#### PROBLEM DESCRIPTION
Copy each line below that includes "IFCRELASSOCIATESMATERIAL".

#### Dataset entries
^^^^^^^^^^^^^^^^

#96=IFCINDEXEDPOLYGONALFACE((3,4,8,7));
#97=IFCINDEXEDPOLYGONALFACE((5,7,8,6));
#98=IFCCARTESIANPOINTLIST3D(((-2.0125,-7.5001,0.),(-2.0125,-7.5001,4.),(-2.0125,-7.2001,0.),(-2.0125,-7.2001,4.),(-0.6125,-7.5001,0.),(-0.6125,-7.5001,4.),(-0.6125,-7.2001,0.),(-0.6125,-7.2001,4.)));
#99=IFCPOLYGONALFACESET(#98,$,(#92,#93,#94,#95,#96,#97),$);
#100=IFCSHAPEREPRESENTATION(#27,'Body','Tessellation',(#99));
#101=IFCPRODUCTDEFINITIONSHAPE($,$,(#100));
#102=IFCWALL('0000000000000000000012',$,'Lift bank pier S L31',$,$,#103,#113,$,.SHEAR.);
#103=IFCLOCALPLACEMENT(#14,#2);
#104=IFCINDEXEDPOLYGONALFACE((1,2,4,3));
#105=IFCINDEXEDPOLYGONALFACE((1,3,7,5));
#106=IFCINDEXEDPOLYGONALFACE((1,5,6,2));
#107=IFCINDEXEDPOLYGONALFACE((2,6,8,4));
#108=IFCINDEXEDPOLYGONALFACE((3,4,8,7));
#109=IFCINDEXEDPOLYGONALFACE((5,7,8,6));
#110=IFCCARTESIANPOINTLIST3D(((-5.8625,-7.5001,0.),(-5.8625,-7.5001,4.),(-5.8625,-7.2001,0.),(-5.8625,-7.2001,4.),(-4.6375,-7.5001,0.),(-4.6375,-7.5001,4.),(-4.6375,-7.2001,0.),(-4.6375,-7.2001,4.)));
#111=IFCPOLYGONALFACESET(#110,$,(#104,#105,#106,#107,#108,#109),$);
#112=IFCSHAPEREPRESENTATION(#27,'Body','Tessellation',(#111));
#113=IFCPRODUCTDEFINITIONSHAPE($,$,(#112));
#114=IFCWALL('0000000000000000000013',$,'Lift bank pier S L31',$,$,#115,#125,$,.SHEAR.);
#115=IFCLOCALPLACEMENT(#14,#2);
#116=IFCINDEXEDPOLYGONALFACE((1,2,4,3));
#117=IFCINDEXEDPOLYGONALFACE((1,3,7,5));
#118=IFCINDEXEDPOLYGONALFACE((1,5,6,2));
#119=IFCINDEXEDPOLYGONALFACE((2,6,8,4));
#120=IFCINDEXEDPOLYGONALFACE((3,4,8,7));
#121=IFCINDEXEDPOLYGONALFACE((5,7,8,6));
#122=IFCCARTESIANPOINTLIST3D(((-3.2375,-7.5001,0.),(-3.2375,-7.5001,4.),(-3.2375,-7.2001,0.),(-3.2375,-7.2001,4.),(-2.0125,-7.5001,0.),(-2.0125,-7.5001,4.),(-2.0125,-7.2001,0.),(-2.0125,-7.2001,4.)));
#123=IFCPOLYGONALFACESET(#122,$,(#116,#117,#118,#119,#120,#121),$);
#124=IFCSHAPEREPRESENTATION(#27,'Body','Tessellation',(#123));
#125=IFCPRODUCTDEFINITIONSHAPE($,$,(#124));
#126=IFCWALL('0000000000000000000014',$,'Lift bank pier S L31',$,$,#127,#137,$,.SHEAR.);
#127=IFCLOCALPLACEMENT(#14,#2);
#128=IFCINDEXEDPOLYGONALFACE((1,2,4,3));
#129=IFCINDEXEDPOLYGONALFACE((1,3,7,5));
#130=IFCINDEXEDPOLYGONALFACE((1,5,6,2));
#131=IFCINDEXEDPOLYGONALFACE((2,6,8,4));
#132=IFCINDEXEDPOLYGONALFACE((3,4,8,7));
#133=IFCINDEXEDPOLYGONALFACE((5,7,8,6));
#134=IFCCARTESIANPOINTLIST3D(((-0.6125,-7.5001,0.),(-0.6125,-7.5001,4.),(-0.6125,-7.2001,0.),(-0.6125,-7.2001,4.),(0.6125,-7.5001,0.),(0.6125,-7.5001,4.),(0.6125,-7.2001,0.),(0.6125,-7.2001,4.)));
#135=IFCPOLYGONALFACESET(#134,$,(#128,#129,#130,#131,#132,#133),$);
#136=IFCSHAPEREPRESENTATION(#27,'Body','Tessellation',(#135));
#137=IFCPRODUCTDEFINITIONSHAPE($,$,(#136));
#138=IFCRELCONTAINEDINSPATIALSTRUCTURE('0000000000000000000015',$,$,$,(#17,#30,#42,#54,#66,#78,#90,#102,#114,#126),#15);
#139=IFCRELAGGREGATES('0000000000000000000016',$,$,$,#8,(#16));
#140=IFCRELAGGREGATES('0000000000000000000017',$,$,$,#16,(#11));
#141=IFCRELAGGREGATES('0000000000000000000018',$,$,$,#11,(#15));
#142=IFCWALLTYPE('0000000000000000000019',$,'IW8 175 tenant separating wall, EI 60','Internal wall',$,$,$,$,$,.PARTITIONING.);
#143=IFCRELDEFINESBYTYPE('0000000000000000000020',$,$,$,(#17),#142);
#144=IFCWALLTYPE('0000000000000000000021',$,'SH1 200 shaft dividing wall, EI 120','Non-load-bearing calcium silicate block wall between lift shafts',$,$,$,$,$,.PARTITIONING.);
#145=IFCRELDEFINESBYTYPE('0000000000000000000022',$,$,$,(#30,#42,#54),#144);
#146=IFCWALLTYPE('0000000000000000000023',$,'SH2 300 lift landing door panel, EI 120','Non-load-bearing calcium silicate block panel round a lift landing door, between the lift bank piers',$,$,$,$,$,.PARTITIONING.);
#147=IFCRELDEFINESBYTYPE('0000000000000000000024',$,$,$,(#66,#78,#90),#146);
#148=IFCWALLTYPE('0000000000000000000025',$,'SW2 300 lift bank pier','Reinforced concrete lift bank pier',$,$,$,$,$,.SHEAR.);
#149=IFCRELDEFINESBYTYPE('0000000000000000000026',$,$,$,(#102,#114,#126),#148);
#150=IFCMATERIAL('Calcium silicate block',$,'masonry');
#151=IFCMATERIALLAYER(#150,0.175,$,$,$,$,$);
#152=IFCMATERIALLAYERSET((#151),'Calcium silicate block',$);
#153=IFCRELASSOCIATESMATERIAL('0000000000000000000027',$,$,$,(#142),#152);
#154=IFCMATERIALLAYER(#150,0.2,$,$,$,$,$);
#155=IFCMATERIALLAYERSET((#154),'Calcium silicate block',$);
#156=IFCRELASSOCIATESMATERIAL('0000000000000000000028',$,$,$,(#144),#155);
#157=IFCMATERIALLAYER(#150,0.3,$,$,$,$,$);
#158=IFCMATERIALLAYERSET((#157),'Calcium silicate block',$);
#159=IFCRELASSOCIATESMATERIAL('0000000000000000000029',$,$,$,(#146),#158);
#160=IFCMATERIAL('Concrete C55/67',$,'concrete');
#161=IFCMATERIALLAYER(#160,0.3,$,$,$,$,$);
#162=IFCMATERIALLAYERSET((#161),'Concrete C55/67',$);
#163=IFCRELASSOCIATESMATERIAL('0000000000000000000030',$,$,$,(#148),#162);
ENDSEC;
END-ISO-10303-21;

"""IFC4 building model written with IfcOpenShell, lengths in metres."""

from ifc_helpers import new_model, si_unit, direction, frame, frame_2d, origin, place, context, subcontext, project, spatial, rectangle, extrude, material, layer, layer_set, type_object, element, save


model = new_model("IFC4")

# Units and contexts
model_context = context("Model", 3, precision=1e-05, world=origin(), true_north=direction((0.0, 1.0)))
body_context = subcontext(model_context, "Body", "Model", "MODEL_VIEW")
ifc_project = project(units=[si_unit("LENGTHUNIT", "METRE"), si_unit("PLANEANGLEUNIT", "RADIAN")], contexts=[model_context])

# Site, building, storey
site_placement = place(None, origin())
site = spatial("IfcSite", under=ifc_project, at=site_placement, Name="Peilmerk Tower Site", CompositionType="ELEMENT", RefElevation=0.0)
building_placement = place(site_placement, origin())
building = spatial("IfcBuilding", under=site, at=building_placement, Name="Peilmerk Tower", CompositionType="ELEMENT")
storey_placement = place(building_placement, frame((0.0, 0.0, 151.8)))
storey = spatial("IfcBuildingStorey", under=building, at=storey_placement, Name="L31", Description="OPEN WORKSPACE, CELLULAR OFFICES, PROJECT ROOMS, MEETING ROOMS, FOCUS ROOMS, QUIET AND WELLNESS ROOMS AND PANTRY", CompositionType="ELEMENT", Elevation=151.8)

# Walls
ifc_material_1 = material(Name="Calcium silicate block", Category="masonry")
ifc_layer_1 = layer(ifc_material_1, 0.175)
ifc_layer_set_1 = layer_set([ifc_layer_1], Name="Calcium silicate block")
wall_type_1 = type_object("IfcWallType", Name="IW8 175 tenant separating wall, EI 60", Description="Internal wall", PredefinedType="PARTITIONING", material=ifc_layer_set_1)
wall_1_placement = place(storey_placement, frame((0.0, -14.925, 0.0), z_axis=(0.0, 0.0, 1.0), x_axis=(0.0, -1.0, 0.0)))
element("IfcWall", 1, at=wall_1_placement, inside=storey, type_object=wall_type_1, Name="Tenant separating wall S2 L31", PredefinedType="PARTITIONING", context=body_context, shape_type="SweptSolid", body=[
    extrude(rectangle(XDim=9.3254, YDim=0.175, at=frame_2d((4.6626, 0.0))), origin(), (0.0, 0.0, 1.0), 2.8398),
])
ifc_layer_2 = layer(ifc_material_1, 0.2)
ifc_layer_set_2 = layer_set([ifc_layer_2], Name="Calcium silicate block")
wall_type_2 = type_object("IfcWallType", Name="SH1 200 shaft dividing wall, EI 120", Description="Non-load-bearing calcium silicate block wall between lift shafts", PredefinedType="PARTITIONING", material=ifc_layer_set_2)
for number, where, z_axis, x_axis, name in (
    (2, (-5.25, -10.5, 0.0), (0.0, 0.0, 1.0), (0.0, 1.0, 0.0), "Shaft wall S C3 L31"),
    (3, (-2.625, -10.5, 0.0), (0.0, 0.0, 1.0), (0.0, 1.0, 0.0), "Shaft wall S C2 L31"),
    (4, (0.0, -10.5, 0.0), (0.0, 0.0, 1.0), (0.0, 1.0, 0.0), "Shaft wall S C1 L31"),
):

^^^^^^^^^^^^^^^^

#### YOUR RESPONSE
#153=IFCRELASSOCIATESMATERIAL('0000000000000000000027',$,$,$,(#142),#152);
#156=IFCRELASSOCIATESMATERIAL('0000000000000000000028',$,$,$,(#144),#155);
#159=IFCRELASSOCIATESMATERIAL('0000000000000000000029',$,$,$,(#146),#158);
#163=IFCRELASSOCIATESMATERIAL('0000000000000000000030',$,$,$,(#148),#162);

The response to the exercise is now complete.